* [DIRECTIONS FOR THIS TASK]: Please determine how many lines of the material include the word "IFCPOLYGONALFACESET", and respond with nothing but that number.

* [EXTRACTED DATA]:

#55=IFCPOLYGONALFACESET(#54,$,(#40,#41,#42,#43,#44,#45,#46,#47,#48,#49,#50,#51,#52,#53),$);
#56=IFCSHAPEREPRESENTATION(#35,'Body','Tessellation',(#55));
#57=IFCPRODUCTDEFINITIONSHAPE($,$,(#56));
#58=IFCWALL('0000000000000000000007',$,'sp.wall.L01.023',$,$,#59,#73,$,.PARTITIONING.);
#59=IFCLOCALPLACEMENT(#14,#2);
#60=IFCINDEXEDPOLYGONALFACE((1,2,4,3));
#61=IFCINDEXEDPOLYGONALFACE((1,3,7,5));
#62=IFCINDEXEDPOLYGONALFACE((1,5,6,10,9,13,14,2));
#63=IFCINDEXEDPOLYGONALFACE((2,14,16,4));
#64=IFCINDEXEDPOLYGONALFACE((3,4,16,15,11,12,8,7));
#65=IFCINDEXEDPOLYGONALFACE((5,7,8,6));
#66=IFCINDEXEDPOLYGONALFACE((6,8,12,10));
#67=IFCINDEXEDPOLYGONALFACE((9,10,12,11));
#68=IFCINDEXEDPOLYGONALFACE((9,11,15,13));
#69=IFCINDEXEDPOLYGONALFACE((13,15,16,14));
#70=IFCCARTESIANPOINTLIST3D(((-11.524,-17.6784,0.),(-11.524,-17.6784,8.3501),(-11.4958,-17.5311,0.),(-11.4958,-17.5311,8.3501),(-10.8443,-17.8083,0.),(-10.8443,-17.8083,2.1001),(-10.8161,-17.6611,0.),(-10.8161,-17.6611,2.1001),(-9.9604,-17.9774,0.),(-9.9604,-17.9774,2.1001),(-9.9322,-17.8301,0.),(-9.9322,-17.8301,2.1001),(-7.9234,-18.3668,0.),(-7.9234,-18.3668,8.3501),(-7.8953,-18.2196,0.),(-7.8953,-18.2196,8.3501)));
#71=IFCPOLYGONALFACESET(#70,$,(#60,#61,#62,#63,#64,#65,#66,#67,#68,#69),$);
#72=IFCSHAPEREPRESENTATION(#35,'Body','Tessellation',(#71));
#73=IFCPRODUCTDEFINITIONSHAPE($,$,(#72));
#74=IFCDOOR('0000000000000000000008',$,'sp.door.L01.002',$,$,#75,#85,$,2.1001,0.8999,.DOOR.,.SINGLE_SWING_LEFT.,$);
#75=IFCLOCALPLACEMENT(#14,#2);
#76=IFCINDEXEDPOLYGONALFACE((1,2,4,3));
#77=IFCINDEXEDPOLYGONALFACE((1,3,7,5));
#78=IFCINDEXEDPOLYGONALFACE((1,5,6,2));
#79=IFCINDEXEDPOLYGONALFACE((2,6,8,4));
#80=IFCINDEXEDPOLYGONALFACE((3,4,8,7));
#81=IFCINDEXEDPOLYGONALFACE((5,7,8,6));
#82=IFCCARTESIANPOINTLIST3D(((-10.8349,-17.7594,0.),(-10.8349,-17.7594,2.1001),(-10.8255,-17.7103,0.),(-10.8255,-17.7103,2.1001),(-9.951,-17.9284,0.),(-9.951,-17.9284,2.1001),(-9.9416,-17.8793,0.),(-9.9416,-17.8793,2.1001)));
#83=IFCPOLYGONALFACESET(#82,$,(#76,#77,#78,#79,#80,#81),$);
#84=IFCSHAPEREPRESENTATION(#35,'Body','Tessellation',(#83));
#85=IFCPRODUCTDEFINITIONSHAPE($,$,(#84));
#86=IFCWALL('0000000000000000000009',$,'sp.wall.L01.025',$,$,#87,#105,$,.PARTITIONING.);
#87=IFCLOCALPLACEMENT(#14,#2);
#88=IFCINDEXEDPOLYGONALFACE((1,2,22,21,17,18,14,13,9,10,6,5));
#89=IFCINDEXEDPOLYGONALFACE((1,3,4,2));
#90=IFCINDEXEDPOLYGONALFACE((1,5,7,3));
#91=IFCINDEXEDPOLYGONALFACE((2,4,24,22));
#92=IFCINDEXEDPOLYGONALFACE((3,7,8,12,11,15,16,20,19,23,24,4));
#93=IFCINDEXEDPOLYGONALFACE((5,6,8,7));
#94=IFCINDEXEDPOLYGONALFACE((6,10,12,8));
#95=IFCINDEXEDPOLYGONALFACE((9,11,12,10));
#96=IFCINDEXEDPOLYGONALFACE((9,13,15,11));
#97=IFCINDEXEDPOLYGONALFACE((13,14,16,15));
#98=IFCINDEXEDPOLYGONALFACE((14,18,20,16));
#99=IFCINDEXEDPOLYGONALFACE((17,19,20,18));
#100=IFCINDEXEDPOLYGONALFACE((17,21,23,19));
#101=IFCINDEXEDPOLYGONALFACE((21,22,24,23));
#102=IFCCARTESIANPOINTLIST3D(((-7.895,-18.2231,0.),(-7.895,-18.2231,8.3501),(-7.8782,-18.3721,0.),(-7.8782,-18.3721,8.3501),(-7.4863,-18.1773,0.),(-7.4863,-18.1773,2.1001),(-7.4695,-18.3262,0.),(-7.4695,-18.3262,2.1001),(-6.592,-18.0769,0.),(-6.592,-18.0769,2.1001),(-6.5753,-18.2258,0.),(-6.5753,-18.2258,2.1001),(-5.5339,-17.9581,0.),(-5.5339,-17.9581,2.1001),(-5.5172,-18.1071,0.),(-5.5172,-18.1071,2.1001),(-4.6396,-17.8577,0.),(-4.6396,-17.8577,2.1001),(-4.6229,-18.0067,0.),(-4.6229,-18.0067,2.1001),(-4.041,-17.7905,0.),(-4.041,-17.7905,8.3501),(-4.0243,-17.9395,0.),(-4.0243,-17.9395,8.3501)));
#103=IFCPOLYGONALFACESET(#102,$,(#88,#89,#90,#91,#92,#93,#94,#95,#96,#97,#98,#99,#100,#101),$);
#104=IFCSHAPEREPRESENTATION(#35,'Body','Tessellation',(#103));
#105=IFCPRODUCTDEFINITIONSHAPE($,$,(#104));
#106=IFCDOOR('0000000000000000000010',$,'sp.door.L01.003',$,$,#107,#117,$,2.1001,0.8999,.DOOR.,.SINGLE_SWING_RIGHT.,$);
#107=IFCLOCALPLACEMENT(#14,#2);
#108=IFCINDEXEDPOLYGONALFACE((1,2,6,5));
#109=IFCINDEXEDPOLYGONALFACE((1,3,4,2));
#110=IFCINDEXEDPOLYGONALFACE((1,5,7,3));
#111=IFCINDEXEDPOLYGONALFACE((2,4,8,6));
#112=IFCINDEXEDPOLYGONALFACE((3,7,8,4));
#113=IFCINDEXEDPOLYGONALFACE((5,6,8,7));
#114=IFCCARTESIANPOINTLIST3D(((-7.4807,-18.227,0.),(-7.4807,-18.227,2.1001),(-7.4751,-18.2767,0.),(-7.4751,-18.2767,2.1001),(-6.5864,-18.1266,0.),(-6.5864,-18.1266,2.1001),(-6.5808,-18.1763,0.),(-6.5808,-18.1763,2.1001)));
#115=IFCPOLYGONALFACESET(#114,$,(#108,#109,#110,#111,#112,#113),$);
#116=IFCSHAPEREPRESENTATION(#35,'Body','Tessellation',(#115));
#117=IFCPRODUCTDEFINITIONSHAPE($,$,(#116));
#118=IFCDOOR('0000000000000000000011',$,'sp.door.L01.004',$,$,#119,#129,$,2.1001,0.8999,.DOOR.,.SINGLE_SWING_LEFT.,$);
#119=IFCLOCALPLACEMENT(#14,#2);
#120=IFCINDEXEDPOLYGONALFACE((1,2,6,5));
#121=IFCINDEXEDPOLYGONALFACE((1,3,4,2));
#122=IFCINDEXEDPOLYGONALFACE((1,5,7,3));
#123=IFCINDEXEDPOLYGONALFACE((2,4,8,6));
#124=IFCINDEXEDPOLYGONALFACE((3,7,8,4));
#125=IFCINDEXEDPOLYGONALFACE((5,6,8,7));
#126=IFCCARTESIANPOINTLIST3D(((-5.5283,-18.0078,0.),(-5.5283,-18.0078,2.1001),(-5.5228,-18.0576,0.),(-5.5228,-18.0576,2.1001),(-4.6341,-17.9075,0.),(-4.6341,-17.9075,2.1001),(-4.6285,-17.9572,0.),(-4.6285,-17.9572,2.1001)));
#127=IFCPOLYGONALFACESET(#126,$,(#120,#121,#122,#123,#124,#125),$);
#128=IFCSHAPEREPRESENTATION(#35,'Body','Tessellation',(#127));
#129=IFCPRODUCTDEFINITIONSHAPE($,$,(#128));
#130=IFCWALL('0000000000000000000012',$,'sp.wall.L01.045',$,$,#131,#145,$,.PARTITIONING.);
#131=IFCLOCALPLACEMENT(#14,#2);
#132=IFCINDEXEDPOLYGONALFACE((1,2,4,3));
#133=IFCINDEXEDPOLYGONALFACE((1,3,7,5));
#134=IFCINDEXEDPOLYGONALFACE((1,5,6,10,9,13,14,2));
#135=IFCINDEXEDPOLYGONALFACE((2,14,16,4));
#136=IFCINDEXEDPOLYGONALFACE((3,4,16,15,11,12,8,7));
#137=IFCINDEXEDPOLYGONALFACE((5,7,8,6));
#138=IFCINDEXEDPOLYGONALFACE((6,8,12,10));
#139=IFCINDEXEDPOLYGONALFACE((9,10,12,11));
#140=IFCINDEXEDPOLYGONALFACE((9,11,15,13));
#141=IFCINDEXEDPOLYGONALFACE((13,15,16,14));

* [ANSWER BOX]: 6